PROMPT:
The only acceptable reply is the number of lines in the material below that hold "IFCRELDEFINESBYTYPE".

DATA LISTING:
__________________________________________________

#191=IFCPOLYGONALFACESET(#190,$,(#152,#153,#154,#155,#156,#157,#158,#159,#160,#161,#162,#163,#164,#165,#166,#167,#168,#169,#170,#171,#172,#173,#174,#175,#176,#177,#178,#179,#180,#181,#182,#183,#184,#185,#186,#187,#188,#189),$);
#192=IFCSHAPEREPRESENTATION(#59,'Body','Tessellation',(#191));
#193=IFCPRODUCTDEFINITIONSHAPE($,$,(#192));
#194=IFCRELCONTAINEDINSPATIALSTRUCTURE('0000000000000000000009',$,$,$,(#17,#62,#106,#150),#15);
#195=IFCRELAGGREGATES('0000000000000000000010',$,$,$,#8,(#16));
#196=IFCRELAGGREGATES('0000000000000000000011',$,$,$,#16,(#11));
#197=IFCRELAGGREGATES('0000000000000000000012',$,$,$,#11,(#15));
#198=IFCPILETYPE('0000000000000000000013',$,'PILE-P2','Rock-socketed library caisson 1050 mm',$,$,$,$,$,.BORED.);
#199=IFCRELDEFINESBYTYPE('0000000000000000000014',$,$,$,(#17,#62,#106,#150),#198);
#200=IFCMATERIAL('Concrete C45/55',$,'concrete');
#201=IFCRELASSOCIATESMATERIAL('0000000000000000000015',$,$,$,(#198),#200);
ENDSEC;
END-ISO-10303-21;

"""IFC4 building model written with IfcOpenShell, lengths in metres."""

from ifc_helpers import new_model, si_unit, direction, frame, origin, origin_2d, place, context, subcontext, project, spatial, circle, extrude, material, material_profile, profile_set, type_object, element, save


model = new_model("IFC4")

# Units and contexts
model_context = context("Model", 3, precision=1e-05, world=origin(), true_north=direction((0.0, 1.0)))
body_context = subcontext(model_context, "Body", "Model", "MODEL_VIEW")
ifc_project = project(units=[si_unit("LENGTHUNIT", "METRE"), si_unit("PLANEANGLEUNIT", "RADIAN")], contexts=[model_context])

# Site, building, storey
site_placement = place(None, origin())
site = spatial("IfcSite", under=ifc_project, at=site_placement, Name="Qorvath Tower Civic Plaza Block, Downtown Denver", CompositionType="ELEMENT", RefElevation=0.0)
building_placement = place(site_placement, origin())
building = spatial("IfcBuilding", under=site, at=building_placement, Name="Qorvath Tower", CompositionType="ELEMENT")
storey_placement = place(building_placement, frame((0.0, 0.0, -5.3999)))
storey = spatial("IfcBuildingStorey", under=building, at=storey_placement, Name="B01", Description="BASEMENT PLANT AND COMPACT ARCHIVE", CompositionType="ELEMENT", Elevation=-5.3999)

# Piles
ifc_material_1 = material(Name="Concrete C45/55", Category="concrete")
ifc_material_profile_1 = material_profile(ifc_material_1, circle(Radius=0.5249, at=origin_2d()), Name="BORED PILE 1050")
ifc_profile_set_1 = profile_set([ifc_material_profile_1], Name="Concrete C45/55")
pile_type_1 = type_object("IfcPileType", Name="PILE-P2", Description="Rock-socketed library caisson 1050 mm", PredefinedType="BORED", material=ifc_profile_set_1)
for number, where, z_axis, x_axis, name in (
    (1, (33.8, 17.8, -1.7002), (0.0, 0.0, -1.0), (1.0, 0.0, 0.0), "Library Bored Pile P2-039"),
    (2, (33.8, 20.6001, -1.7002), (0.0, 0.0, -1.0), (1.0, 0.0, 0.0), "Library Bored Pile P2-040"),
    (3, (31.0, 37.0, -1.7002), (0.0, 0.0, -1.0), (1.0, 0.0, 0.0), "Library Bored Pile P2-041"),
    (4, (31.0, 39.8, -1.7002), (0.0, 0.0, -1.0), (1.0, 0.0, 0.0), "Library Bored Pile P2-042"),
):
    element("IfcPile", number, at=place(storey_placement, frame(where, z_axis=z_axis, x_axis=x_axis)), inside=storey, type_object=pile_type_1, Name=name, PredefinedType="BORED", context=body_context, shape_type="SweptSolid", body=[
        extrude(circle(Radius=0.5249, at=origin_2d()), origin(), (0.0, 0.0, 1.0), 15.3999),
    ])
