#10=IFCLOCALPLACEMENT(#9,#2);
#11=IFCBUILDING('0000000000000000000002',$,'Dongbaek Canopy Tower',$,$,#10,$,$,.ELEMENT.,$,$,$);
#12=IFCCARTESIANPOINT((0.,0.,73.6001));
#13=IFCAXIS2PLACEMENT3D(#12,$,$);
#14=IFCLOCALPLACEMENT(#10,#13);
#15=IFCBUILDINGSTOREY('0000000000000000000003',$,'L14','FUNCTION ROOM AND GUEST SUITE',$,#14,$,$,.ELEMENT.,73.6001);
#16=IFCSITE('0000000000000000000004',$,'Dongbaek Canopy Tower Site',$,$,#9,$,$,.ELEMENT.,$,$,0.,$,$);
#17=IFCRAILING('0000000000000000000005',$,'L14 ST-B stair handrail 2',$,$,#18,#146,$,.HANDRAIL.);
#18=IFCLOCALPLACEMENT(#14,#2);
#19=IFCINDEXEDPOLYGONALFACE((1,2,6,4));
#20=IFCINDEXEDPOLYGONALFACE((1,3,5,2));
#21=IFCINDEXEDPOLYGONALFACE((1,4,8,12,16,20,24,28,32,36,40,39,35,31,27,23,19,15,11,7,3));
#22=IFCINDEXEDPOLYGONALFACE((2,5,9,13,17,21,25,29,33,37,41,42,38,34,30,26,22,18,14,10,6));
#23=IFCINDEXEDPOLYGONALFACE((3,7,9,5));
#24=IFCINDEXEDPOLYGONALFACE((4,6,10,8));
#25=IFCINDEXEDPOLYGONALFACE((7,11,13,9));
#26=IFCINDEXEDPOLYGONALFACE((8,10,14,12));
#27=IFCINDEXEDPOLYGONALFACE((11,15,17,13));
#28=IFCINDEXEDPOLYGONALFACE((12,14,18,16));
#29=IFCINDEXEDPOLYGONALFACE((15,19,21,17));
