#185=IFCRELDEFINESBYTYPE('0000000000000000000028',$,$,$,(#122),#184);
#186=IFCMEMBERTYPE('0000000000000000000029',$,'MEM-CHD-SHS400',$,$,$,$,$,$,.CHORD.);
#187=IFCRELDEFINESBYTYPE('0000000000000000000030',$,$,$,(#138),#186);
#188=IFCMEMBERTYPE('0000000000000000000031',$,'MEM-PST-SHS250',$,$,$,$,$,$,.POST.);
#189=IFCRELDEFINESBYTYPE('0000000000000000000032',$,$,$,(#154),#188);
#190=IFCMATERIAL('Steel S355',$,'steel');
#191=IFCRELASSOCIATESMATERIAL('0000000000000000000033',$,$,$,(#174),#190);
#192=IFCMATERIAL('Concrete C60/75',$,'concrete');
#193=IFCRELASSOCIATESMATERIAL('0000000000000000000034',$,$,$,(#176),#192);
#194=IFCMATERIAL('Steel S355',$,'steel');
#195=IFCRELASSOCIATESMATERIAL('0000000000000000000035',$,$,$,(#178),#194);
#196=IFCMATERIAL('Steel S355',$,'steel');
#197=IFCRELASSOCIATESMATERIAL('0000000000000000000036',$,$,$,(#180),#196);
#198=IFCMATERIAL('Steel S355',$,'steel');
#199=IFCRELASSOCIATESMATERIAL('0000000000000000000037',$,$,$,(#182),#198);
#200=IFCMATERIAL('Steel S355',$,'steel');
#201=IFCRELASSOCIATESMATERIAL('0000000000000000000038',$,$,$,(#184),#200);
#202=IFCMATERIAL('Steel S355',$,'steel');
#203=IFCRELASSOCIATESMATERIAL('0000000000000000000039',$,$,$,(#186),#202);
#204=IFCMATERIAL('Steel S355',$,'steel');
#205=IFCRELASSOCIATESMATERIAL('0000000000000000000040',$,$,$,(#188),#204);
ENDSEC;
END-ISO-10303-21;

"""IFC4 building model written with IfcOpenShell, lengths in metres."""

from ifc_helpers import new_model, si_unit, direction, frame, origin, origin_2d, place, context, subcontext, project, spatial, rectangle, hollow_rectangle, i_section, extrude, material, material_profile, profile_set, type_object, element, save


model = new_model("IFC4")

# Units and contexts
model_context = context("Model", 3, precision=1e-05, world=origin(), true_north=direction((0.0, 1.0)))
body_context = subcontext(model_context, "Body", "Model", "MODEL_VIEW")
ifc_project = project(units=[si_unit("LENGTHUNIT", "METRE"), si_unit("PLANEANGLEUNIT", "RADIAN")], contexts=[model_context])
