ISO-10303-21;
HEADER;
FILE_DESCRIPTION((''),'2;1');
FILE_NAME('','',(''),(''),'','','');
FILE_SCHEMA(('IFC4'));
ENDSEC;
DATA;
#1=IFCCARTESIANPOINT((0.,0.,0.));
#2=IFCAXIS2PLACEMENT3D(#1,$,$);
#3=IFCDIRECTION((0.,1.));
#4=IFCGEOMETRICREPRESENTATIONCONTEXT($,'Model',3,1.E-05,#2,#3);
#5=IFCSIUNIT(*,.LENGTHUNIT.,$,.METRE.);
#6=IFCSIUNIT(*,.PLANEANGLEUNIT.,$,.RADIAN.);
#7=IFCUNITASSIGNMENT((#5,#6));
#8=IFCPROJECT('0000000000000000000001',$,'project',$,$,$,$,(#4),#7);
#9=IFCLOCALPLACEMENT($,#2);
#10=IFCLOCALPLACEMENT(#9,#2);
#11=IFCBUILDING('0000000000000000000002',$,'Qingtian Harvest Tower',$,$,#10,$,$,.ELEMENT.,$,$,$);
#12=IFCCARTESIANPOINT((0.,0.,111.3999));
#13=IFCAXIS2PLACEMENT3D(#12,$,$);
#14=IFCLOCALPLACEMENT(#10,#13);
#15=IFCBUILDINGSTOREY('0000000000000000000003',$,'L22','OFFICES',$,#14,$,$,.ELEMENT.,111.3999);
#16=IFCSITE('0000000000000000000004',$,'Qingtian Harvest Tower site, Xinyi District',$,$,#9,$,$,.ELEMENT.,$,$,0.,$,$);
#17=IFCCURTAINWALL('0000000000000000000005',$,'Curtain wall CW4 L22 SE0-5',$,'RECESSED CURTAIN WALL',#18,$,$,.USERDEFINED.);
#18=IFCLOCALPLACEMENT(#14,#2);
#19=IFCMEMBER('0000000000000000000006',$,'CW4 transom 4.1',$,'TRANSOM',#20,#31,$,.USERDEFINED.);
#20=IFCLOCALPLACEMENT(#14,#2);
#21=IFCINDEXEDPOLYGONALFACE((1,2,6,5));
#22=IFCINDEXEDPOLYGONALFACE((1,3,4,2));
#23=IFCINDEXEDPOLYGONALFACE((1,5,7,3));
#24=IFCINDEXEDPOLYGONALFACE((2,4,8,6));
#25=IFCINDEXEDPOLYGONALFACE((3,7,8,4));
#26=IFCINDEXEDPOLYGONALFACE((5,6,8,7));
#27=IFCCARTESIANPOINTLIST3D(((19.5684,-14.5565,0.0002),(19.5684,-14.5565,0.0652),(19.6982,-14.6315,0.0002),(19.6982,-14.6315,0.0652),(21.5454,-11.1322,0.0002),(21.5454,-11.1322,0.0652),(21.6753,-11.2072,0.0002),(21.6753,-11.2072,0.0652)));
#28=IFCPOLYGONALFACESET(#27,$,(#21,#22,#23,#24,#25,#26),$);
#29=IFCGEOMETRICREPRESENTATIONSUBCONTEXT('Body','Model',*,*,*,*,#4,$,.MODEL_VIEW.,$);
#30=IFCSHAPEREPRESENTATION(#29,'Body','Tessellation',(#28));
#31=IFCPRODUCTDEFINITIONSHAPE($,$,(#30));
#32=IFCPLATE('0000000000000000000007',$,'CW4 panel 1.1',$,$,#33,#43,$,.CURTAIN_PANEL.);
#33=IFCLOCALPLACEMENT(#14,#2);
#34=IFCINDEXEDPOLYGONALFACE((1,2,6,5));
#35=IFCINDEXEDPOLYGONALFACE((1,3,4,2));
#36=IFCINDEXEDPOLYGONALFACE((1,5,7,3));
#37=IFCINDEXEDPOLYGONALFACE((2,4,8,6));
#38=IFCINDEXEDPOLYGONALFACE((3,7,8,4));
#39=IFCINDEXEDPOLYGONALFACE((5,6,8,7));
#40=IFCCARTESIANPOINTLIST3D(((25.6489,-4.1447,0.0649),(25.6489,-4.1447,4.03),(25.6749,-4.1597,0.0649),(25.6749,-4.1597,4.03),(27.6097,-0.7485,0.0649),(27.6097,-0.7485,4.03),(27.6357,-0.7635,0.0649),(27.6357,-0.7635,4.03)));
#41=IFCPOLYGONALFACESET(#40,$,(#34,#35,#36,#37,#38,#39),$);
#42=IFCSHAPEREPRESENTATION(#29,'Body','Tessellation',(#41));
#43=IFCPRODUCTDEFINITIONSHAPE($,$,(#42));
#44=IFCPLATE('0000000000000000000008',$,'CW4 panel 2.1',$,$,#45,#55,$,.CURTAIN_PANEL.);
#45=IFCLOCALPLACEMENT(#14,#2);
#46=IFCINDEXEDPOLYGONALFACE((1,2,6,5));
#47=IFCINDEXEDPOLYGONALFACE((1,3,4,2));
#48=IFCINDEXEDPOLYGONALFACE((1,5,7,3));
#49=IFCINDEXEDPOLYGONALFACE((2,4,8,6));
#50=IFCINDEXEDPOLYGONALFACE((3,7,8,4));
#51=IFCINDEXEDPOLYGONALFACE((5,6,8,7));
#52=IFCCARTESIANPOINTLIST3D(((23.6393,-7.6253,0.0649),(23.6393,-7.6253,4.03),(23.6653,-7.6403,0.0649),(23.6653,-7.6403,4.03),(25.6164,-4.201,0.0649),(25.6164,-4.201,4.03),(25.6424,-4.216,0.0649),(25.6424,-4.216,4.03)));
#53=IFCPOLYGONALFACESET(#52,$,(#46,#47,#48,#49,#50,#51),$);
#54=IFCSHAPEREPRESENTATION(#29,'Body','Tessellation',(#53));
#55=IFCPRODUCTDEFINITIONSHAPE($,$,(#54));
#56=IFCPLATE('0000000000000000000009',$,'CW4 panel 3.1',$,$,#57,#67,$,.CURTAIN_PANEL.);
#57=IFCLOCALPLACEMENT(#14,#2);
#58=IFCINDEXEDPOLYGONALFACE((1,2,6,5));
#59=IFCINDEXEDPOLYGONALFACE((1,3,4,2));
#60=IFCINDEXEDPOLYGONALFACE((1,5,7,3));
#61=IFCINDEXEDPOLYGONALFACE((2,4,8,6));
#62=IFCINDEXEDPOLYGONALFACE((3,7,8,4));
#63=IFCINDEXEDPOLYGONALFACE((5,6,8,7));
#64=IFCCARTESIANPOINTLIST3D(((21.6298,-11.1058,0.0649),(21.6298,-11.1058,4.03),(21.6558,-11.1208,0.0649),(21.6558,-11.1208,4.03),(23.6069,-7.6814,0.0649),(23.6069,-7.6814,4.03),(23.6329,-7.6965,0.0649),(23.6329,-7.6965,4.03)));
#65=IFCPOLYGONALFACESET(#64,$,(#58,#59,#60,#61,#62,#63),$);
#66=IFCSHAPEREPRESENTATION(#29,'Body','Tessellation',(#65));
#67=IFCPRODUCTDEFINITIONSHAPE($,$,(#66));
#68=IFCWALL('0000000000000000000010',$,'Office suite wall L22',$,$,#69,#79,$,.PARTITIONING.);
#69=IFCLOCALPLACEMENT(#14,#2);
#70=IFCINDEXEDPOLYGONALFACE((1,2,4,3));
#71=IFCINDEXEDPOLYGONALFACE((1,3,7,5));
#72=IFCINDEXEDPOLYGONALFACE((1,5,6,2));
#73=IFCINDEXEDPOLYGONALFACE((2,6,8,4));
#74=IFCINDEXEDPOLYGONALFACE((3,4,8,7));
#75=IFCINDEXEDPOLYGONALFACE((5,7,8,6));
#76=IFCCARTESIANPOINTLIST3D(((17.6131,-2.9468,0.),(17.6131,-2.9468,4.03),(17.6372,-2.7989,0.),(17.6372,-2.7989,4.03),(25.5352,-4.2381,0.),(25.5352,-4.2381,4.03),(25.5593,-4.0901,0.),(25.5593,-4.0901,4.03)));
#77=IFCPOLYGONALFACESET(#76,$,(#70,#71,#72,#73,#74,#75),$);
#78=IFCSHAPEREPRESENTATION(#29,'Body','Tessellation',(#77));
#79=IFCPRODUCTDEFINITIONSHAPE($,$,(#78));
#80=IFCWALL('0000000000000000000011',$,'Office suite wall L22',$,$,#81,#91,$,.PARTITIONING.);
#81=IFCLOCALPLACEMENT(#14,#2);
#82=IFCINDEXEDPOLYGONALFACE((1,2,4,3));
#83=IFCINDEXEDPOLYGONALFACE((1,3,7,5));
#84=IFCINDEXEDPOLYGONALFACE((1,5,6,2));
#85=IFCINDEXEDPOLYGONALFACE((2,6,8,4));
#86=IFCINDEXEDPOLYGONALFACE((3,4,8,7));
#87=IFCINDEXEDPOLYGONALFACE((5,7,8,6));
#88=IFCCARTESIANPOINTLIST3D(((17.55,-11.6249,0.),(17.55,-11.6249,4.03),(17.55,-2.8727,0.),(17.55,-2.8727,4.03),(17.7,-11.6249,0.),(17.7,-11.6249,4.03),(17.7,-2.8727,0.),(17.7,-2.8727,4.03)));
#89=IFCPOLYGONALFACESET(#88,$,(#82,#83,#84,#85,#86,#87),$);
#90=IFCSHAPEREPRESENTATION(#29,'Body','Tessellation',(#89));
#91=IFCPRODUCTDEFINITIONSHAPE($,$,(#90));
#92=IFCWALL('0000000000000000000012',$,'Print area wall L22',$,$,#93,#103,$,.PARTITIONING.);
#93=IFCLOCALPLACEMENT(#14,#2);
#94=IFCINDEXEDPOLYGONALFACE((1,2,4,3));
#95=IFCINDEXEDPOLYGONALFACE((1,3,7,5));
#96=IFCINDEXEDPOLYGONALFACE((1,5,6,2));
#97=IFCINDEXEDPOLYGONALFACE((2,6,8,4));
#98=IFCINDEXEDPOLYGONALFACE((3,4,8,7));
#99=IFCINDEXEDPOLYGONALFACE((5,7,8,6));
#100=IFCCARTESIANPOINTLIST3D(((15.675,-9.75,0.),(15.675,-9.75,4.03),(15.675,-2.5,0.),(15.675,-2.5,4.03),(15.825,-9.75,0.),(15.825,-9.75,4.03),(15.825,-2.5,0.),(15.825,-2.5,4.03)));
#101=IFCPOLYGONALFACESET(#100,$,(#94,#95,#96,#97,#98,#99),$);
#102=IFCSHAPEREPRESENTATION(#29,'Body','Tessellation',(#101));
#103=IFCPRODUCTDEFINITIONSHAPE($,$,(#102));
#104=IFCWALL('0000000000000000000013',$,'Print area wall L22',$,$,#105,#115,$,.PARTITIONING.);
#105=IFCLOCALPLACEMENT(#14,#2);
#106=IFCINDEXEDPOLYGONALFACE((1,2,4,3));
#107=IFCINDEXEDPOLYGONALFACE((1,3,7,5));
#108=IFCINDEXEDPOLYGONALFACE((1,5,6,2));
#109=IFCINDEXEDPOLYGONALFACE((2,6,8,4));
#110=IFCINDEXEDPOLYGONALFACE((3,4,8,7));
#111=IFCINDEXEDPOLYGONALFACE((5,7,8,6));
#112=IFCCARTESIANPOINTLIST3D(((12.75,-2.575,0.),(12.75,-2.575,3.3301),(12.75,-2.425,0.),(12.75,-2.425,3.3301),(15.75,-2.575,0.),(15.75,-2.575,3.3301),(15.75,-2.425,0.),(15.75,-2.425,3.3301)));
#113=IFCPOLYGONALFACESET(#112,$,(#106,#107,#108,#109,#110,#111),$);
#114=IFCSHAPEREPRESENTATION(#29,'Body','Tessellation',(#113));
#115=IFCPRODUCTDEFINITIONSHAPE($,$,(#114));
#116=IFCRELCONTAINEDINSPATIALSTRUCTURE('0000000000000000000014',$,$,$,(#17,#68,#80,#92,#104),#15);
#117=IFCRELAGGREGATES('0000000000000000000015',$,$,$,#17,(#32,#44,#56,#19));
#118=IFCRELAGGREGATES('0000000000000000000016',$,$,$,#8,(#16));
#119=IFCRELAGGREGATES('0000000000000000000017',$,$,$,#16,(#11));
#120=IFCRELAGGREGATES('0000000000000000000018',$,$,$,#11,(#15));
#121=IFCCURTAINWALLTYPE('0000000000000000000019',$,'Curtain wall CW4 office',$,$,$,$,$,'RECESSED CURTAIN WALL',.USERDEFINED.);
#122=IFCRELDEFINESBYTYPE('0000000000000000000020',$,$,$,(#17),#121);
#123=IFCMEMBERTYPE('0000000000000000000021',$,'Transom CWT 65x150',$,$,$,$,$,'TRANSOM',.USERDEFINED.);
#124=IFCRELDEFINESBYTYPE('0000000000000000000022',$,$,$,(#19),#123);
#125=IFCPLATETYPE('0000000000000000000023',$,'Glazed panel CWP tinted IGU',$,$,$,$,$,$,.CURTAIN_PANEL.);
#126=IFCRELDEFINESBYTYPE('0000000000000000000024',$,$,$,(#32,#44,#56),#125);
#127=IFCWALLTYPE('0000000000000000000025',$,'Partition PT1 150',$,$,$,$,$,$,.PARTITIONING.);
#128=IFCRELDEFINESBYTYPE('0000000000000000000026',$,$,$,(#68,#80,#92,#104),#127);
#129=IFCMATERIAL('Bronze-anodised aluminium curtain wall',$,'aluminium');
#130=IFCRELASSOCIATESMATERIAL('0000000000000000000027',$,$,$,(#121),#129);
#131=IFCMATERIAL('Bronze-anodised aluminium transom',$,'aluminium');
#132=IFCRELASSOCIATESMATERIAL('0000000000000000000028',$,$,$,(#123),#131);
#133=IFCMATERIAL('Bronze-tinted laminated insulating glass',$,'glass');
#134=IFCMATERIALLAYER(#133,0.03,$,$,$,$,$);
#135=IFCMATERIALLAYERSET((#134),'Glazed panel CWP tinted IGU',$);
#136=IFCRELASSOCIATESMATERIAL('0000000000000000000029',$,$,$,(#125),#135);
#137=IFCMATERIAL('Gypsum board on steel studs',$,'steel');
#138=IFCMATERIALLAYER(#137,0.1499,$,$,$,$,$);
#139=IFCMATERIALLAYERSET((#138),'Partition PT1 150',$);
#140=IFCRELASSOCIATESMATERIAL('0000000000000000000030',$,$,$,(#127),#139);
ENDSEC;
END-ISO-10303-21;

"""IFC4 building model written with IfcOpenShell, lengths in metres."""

from ifc_helpers import new_model, si_unit, direction, frame, frame_2d, origin, origin_2d, place, context, subcontext, project, spatial, rectangle, extrude, material, layer, layer_set, material_profile, profile_set, type_object, element, aggregate, save


model = new_model("IFC4")

# Units and contexts
model_context = context("Model", 3, precision=1e-05, world=origin(), true_north=direction((0.0, 1.0)))
body_context = subcontext(model_context, "Body", "Model", "MODEL_VIEW")
ifc_project = project(units=[si_unit("LENGTHUNIT", "METRE"), si_unit("PLANEANGLEUNIT", "RADIAN")], contexts=[model_context])

# Site, building, storey
site_placement = place(None, origin())
site = spatial("IfcSite", under=ifc_project, at=site_placement, Name="Qingtian Harvest Tower site, Xinyi District", CompositionType="ELEMENT", RefElevation=0.0)
building_placement = place(site_placement, origin())
building = spatial("IfcBuilding", under=site, at=building_placement, Name="Qingtian Harvest Tower", CompositionType="ELEMENT")
storey_placement = place(building_placement, frame((0.0, 0.0, 111.3999)))
storey = spatial("IfcBuildingStorey", under=building, at=storey_placement, Name="L22", Description="OFFICES", CompositionType="ELEMENT", Elevation=111.3999)

# Shared definitions
ifc_material_1 = material(Name="Bronze-anodised aluminium curtain wall", Category="aluminium")
curtain_wall_type = type_object("IfcCurtainWallType", Name="Curtain wall CW4 office", ElementType="RECESSED CURTAIN WALL", PredefinedType="USERDEFINED", material=ifc_material_1)

# Curtain wall
curtain_wall_1_placement = place(storey_placement, origin())
curtain_wall_1 = element("IfcCurtainWall", 1, at=curtain_wall_1_placement, inside=storey, type_object=curtain_wall_type, Name="Curtain wall CW4 L22 SE0-5", ObjectType="RECESSED CURTAIN WALL", PredefinedType="USERDEFINED")

# Member
ifc_material_2 = material(Name="Bronze-anodised aluminium transom", Category="aluminium")
ifc_material_profile_1 = material_profile(ifc_material_2, rectangle(XDim=0.1499, YDim=0.0649, at=origin_2d()), Name="AL 65x150")
ifc_profile_set_1 = profile_set([ifc_material_profile_1], Name="Bronze-anodised aluminium transom")
member_type_1 = type_object("IfcMemberType", Name="Transom CWT 65x150", ElementType="TRANSOM", PredefinedType="USERDEFINED", material=ifc_profile_set_1)
member_1_placement = place(storey_placement, frame((21.6104, -11.1697, 0.0327), z_axis=(-0.500004, -0.866023, 0.0), x_axis=(0.866023, -0.500004, 0.0)))
member_1 = element("IfcMember", 2, at=member_1_placement, type_object=member_type_1, Name="CW4 transom 4.1", ObjectType="TRANSOM", PredefinedType="USERDEFINED", context=body_context, shape_type="SweptSolid", body=[
    extrude(rectangle(XDim=0.1499, YDim=0.0649, at=origin_2d()), origin(), (0.0, 0.0, 1.0), 3.9541),
])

__________________________________________________

COMPLETED TASK:
8